§ **Your assignment**:
The answer must consist of every line in the data below that holds the word "RelatedObjects".

§ **Available records**:
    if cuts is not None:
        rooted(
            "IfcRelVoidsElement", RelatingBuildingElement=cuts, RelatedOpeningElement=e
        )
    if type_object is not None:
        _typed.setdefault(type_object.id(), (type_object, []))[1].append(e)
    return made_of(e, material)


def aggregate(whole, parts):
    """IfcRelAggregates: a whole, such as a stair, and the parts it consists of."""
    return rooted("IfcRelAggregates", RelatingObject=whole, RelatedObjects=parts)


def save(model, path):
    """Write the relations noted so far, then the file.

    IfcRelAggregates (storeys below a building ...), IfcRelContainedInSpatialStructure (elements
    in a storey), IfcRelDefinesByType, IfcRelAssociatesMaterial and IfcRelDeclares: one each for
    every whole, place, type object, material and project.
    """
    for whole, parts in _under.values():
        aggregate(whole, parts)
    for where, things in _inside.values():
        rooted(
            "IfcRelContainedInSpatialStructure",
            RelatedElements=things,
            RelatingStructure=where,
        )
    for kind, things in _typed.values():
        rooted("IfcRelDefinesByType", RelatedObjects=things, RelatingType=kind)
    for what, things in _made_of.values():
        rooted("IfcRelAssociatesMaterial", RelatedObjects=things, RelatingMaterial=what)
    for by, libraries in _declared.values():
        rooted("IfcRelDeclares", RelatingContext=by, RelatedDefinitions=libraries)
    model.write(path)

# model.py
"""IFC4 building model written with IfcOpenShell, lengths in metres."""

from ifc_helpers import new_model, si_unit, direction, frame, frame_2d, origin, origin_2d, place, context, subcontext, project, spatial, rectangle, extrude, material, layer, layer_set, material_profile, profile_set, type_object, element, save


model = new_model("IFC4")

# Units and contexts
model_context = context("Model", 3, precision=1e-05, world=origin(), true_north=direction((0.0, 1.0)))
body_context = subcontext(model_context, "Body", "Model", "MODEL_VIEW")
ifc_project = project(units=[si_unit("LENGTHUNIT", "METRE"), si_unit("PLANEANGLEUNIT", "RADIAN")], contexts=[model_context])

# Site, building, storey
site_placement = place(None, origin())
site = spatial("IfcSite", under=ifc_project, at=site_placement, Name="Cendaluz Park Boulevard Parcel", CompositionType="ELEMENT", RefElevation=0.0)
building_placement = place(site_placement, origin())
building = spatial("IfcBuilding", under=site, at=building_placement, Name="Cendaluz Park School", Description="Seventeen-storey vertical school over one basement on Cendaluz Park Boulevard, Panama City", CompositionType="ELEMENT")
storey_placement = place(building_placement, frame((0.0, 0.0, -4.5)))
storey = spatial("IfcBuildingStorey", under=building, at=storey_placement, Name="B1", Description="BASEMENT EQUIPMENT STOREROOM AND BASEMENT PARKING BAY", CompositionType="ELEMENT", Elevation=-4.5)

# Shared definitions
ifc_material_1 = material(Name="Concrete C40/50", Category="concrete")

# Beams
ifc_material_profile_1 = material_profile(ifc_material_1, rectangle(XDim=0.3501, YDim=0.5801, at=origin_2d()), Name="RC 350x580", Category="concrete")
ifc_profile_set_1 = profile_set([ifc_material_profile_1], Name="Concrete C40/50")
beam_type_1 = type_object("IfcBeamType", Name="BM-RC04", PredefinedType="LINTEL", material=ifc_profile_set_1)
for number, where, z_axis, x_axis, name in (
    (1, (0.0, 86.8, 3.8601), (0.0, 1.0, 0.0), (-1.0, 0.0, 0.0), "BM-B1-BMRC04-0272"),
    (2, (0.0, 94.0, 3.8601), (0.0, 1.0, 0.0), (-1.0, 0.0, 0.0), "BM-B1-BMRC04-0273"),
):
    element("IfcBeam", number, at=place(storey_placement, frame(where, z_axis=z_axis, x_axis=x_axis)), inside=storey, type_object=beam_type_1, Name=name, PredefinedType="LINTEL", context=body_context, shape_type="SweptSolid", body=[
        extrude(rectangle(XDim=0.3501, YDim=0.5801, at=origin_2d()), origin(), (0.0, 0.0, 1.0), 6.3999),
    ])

§ **Task solution**:
    return rooted("IfcRelAggregates", RelatingObject=whole, RelatedObjects=parts)
        rooted("IfcRelDefinesByType", RelatedObjects=things, RelatingType=kind)
        rooted("IfcRelAssociatesMaterial", RelatedObjects=things, RelatingMaterial=what)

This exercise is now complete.